• What you are asked to do:
Up to and including the line with "#10=IFCLOCALPLACEMENT(#9,#2);", please set down the entries below exactly, starting from the first line.

• Entries supplied:
- Opening Delimiter -

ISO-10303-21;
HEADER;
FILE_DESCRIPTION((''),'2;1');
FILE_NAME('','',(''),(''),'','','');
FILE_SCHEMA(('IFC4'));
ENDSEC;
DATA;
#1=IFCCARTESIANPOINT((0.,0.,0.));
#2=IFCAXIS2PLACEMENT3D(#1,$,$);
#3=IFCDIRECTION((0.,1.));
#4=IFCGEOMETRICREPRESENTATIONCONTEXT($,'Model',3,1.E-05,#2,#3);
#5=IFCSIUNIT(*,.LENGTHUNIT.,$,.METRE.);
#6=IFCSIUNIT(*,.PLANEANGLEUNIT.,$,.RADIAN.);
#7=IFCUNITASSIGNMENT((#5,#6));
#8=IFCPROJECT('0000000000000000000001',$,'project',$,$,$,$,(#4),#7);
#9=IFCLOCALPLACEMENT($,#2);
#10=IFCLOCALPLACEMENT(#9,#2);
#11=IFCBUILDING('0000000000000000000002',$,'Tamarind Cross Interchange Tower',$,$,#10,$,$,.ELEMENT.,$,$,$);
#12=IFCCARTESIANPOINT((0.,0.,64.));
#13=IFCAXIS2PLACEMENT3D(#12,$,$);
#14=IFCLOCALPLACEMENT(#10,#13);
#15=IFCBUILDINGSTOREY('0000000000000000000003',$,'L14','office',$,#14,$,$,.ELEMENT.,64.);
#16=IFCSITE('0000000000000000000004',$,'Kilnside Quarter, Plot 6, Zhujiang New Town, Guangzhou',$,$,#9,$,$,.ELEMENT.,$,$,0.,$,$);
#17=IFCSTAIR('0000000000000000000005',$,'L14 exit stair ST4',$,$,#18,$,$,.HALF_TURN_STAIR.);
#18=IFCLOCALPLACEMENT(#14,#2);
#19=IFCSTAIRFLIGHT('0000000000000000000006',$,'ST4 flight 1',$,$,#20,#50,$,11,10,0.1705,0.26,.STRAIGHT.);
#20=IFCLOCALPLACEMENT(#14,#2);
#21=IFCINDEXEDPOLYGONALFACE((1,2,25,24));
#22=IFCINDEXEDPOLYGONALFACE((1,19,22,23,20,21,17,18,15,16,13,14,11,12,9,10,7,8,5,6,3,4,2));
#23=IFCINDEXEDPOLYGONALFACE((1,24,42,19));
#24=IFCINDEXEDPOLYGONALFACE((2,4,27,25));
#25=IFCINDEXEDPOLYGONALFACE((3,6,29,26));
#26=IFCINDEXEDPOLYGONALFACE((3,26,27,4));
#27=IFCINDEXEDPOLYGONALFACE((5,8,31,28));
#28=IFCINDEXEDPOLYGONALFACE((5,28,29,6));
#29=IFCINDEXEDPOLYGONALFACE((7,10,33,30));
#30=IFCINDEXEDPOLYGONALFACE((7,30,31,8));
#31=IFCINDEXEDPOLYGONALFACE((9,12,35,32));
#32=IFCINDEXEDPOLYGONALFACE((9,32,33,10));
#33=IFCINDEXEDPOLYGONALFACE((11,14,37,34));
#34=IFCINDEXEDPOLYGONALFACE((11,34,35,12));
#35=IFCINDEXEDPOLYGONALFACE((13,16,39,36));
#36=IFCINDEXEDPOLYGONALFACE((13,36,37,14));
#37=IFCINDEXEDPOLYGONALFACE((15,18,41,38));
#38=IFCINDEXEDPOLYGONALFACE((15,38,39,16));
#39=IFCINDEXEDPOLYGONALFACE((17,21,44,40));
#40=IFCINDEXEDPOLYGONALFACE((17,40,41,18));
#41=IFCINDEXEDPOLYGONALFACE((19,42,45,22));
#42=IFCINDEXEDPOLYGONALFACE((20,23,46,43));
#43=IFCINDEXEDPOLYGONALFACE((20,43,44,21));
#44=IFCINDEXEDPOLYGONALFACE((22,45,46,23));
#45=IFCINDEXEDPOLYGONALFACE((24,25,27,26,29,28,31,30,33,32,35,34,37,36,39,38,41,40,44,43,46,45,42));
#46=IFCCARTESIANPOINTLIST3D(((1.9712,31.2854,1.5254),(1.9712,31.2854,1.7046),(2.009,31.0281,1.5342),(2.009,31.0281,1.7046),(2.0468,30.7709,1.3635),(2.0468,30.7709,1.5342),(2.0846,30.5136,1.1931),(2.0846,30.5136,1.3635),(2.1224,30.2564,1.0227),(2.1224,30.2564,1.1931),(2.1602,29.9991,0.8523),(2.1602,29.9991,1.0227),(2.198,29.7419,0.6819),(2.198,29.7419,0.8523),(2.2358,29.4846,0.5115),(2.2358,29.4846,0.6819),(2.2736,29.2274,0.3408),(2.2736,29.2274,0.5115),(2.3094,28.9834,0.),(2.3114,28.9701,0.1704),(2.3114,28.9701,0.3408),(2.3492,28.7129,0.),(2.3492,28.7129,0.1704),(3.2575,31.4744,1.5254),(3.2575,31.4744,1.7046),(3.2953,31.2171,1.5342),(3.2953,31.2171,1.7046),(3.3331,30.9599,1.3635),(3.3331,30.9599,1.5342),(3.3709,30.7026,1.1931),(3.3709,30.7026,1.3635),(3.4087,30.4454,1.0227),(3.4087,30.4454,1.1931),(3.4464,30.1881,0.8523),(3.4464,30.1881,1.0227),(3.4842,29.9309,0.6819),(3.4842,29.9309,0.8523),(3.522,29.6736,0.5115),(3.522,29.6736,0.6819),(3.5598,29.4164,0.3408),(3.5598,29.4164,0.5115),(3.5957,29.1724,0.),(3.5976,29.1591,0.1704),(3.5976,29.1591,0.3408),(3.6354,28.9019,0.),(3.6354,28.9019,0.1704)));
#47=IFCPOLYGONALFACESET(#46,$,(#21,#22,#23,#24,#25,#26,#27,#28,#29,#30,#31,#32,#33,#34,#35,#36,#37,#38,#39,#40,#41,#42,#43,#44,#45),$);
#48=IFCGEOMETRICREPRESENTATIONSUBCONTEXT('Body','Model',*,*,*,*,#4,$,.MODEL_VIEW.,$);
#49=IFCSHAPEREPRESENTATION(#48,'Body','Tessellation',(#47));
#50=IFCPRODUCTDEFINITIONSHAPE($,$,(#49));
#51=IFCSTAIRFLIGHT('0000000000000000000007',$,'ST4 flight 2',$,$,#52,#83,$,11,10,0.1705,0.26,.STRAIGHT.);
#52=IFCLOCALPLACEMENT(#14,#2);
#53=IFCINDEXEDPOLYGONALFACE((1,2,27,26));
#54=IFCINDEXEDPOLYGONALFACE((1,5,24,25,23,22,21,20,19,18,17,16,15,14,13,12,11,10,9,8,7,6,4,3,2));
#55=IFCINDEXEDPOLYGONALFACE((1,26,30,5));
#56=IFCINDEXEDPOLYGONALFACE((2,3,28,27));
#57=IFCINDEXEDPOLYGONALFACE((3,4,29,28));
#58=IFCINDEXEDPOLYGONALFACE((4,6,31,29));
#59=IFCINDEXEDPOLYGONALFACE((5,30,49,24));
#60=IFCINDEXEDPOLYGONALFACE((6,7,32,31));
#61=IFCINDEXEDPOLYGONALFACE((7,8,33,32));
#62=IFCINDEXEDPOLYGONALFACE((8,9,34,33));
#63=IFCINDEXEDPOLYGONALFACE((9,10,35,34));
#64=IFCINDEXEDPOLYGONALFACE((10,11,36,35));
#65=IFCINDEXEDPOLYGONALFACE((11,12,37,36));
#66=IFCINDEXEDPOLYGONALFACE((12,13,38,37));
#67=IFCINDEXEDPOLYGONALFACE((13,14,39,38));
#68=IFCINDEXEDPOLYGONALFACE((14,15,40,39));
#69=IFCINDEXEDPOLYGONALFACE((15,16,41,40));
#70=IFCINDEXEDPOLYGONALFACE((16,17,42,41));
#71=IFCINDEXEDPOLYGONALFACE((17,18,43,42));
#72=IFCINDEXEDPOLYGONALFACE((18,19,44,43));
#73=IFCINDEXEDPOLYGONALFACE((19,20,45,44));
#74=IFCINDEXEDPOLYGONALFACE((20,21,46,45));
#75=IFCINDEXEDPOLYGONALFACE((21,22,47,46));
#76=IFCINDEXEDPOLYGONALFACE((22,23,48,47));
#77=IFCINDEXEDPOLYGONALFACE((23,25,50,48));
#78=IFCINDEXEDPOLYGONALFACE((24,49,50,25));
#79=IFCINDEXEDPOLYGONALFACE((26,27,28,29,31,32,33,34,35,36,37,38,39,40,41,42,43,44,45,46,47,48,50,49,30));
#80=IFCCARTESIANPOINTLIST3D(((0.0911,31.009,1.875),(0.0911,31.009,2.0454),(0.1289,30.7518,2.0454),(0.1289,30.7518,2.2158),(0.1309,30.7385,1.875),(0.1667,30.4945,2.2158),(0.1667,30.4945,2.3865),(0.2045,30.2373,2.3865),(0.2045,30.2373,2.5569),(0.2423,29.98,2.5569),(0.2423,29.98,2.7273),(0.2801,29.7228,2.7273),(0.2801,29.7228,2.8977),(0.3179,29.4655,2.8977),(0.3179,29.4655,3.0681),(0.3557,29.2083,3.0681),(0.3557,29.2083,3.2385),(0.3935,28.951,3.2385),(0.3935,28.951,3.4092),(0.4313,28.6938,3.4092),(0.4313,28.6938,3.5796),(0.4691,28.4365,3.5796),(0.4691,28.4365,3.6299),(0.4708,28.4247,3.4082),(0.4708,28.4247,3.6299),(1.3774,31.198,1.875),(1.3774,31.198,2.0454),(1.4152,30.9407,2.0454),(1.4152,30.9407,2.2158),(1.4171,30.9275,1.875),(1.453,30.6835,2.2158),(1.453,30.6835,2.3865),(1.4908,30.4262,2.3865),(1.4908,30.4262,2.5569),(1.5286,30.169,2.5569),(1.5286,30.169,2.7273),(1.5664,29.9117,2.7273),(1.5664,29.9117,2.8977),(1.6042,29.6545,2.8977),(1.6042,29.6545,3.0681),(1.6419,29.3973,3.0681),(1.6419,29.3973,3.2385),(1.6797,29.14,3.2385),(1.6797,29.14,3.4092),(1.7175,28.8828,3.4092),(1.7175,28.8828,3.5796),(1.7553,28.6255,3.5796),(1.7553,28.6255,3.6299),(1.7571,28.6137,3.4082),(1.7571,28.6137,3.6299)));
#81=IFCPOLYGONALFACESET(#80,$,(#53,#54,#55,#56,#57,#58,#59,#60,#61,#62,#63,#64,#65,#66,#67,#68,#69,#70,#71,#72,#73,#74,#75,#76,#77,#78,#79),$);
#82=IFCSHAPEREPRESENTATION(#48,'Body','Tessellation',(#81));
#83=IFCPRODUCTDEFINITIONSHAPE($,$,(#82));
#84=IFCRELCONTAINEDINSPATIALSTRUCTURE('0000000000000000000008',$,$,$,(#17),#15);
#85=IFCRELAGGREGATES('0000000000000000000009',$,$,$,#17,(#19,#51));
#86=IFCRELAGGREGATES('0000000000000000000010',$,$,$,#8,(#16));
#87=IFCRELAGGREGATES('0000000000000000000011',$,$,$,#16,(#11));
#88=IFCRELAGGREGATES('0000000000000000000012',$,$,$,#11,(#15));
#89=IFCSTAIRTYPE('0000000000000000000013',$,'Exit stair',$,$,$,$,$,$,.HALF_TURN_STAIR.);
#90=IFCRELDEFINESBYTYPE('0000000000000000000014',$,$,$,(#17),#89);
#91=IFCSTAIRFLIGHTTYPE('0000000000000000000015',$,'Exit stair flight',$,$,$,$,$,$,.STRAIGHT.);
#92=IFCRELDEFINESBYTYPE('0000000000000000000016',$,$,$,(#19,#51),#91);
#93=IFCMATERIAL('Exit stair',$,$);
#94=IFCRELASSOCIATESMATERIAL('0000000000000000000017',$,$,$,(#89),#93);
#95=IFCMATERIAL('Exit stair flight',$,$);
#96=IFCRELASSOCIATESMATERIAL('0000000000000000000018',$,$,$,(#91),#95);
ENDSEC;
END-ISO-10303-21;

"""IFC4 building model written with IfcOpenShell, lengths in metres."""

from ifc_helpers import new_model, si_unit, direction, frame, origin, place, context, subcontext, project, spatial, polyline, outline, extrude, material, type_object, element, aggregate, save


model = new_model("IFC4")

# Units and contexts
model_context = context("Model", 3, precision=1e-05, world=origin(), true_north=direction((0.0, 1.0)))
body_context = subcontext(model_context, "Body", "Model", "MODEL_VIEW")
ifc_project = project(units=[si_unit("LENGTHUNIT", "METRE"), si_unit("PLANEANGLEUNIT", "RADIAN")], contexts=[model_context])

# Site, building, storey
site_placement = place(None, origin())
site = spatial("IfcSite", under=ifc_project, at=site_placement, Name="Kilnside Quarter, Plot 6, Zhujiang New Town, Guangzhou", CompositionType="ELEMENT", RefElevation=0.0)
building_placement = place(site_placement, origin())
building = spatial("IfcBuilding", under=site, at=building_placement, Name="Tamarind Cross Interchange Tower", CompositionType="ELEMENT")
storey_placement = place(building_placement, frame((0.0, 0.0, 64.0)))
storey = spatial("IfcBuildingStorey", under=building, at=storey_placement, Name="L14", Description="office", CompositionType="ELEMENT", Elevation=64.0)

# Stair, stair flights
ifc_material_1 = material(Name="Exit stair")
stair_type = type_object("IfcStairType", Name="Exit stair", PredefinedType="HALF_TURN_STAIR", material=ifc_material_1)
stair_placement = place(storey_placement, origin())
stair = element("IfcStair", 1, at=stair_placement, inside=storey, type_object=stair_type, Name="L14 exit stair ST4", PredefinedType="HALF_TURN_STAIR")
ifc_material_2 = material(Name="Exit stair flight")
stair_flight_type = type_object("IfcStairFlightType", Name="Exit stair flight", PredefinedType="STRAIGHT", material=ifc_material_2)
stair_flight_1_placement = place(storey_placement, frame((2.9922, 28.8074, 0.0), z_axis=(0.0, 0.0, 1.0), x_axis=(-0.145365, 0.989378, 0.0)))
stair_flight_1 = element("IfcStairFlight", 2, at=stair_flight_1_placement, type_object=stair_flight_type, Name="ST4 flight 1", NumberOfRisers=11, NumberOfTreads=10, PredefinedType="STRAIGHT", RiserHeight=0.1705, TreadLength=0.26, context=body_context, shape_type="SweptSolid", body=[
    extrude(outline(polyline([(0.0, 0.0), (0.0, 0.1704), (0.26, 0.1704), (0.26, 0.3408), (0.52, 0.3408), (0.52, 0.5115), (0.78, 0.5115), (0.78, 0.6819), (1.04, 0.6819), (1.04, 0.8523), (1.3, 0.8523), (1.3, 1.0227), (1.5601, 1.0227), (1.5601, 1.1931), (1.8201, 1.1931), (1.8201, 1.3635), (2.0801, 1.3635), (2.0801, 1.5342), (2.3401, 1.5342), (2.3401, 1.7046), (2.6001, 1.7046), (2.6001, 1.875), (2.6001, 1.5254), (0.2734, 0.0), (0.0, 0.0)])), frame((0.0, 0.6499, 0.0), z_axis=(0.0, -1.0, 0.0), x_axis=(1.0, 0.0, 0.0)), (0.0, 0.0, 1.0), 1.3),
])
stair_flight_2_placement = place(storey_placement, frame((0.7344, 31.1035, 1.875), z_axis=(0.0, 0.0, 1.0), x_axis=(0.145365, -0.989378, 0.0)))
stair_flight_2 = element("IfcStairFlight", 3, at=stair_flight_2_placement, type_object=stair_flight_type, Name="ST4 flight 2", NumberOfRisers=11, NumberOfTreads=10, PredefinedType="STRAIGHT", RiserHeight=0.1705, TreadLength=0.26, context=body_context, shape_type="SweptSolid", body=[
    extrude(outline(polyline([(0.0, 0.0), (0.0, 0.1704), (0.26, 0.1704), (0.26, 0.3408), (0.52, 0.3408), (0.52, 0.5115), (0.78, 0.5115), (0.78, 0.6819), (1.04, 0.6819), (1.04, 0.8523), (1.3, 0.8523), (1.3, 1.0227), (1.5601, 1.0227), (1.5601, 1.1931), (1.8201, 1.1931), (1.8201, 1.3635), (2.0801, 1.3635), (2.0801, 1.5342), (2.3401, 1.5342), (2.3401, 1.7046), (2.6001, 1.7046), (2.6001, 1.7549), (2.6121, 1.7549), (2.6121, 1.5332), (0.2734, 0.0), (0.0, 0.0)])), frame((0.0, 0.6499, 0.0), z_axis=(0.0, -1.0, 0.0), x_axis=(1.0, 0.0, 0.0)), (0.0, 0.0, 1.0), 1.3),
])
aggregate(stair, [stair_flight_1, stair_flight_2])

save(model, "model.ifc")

- Closing Delimiter -

• Result:
ISO-10303-21;
HEADER;
FILE_DESCRIPTION((''),'2;1');
FILE_NAME('','',(''),(''),'','','');
FILE_SCHEMA(('IFC4'));
ENDSEC;
DATA;
#1=IFCCARTESIANPOINT((0.,0.,0.));
#2=IFCAXIS2PLACEMENT3D(#1,$,$);
#3=IFCDIRECTION((0.,1.));
#4=IFCGEOMETRICREPRESENTATIONCONTEXT($,'Model',3,1.E-05,#2,#3);
#5=IFCSIUNIT(*,.LENGTHUNIT.,$,.METRE.);
#6=IFCSIUNIT(*,.PLANEANGLEUNIT.,$,.RADIAN.);
#7=IFCUNITASSIGNMENT((#5,#6));
#8=IFCPROJECT('0000000000000000000001',$,'project',$,$,$,$,(#4),#7);
#9=IFCLOCALPLACEMENT($,#2);
#10=IFCLOCALPLACEMENT(#9,#2);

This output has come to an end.